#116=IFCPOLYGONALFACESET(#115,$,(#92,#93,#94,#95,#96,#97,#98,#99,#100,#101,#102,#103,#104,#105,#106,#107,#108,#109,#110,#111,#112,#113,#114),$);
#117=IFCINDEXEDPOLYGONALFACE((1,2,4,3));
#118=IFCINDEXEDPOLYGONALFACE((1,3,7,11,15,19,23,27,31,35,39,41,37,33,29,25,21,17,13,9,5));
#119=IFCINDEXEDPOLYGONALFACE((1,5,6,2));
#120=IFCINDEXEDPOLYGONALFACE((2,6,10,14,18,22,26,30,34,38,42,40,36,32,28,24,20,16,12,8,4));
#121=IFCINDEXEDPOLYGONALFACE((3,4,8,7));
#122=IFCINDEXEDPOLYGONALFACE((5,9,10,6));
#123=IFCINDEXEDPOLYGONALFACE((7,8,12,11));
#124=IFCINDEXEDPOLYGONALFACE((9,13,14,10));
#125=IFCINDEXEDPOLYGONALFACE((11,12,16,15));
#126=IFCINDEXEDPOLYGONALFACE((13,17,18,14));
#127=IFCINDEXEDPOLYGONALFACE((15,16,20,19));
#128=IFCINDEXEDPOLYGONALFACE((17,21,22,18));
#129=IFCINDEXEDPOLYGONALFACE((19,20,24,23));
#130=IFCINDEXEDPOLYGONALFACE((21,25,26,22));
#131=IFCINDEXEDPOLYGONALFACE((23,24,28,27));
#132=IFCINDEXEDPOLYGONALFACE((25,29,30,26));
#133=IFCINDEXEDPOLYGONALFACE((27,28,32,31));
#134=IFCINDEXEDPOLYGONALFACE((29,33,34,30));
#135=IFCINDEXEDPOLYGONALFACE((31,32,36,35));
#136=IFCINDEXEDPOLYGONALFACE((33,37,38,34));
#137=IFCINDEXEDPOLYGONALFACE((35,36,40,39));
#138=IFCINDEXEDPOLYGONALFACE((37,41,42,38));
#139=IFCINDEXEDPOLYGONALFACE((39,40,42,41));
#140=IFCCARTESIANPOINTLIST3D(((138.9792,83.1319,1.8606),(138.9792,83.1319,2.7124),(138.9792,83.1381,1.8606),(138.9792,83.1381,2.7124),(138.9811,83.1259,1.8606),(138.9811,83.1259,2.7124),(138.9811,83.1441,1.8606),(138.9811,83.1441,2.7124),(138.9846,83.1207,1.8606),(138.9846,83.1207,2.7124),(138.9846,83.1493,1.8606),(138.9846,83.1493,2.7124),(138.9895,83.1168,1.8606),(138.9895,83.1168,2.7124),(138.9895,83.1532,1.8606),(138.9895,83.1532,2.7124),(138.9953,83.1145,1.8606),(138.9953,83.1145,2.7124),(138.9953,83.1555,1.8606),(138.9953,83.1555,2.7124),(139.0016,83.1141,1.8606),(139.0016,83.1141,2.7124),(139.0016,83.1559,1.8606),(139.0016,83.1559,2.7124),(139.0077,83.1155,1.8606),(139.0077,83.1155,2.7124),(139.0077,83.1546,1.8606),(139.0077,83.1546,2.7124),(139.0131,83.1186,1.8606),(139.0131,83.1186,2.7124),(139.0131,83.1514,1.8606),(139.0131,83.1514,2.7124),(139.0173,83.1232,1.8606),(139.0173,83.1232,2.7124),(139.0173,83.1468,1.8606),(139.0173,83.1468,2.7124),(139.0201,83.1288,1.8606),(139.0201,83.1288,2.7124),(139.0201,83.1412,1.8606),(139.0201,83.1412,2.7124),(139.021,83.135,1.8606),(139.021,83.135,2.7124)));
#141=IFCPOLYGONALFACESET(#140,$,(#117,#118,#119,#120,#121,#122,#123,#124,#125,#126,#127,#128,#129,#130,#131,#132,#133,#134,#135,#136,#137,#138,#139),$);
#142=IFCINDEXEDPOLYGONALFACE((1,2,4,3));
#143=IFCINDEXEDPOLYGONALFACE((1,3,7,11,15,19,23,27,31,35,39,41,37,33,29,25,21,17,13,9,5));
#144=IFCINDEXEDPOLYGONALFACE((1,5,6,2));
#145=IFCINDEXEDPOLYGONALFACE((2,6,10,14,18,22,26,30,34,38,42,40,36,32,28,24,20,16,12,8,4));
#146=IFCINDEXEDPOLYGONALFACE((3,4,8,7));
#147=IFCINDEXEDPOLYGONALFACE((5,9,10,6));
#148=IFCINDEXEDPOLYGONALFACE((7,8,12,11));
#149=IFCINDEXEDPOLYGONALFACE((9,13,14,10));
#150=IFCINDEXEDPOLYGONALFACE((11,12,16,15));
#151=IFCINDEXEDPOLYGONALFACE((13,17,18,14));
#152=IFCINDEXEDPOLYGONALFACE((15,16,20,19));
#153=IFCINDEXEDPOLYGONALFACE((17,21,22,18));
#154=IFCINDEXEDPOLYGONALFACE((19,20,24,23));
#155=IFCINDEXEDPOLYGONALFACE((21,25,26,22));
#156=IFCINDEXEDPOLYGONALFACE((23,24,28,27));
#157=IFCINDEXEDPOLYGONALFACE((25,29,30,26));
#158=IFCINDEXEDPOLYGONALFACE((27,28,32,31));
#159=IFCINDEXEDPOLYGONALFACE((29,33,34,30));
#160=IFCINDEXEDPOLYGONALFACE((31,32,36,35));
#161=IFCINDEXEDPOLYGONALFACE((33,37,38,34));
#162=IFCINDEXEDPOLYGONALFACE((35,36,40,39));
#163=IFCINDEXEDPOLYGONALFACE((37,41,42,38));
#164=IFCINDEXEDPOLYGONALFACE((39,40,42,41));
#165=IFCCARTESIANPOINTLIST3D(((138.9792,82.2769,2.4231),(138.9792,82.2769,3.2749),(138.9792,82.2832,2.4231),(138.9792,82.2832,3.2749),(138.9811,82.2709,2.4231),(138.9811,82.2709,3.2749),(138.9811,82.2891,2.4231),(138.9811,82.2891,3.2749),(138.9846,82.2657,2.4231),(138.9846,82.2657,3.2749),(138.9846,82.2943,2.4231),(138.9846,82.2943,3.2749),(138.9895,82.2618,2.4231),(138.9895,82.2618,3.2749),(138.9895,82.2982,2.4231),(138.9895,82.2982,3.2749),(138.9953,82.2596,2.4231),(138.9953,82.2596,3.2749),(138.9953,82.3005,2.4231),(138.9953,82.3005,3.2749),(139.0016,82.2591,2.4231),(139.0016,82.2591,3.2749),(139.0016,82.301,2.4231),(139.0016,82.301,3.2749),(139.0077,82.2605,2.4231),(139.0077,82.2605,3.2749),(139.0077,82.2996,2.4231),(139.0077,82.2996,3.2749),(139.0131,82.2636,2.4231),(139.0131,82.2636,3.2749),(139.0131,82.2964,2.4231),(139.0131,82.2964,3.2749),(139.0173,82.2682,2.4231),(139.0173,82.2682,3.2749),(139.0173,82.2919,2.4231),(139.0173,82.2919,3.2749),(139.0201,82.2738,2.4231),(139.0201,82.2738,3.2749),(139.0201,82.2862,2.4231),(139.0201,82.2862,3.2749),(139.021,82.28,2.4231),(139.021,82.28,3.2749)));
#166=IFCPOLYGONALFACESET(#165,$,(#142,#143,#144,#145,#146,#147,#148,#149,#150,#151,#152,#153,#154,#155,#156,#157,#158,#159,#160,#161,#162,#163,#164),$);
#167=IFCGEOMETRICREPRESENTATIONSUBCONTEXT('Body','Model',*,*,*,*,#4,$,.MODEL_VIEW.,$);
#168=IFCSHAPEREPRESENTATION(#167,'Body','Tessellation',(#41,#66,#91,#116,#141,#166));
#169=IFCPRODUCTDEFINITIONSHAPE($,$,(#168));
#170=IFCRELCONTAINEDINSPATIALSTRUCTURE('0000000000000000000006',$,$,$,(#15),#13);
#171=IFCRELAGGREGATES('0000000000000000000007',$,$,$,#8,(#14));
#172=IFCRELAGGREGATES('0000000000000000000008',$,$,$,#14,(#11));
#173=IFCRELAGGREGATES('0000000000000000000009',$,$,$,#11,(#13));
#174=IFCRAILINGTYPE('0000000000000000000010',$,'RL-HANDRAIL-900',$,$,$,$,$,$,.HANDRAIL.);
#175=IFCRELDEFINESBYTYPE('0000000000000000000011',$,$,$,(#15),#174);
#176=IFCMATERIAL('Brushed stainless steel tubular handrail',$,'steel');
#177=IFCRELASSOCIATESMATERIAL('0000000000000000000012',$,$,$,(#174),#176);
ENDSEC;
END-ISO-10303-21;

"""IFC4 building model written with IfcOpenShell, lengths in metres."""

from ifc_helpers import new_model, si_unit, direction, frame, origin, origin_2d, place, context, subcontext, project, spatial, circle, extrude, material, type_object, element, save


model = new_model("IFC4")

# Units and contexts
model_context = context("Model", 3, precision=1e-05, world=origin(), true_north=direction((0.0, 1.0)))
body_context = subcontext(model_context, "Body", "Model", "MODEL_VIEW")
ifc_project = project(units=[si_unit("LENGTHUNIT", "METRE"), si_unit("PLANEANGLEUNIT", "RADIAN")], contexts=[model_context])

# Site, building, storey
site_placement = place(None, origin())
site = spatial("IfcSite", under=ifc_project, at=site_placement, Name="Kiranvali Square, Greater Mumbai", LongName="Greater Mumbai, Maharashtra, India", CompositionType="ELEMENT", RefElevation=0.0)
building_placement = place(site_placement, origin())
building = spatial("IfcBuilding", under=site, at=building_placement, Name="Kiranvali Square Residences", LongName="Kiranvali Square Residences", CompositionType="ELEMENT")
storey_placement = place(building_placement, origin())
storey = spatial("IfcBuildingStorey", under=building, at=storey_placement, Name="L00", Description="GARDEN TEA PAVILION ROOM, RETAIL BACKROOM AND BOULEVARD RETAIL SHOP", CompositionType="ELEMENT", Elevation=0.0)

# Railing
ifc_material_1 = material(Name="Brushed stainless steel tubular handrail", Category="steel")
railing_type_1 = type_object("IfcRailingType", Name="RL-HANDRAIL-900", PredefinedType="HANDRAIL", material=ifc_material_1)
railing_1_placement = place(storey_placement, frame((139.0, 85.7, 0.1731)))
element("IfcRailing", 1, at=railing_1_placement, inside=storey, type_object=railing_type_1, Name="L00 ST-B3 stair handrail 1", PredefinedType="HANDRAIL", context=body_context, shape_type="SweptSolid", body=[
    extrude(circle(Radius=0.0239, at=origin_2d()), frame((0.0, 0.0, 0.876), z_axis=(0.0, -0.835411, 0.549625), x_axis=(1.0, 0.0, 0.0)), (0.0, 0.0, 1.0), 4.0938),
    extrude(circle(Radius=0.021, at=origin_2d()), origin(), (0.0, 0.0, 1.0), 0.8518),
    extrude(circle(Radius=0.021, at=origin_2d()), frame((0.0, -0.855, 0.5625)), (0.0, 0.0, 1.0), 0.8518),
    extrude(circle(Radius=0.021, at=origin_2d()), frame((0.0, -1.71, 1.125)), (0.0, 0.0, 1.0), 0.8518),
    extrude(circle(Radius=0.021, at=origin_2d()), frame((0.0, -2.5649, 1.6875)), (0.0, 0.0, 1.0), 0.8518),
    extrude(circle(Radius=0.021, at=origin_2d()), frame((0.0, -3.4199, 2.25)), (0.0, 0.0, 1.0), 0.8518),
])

## Prompt
Write out word for word only the lines from the start of the entries down to the line with "#126=IFCINDEXEDPOLYGONALFACE((13,17,18,14));", please, including both ends.

## Your response
#116=IFCPOLYGONALFACESET(#115,$,(#92,#93,#94,#95,#96,#97,#98,#99,#100,#101,#102,#103,#104,#105,#106,#107,#108,#109,#110,#111,#112,#113,#114),$);
#117=IFCINDEXEDPOLYGONALFACE((1,2,4,3));
#118=IFCINDEXEDPOLYGONALFACE((1,3,7,11,15,19,23,27,31,35,39,41,37,33,29,25,21,17,13,9,5));
#119=IFCINDEXEDPOLYGONALFACE((1,5,6,2));
#120=IFCINDEXEDPOLYGONALFACE((2,6,10,14,18,22,26,30,34,38,42,40,36,32,28,24,20,16,12,8,4));
#121=IFCINDEXEDPOLYGONALFACE((3,4,8,7));
#122=IFCINDEXEDPOLYGONALFACE((5,9,10,6));
#123=IFCINDEXEDPOLYGONALFACE((7,8,12,11));
#124=IFCINDEXEDPOLYGONALFACE((9,13,14,10));
#125=IFCINDEXEDPOLYGONALFACE((11,12,16,15));
#126=IFCINDEXEDPOLYGONALFACE((13,17,18,14));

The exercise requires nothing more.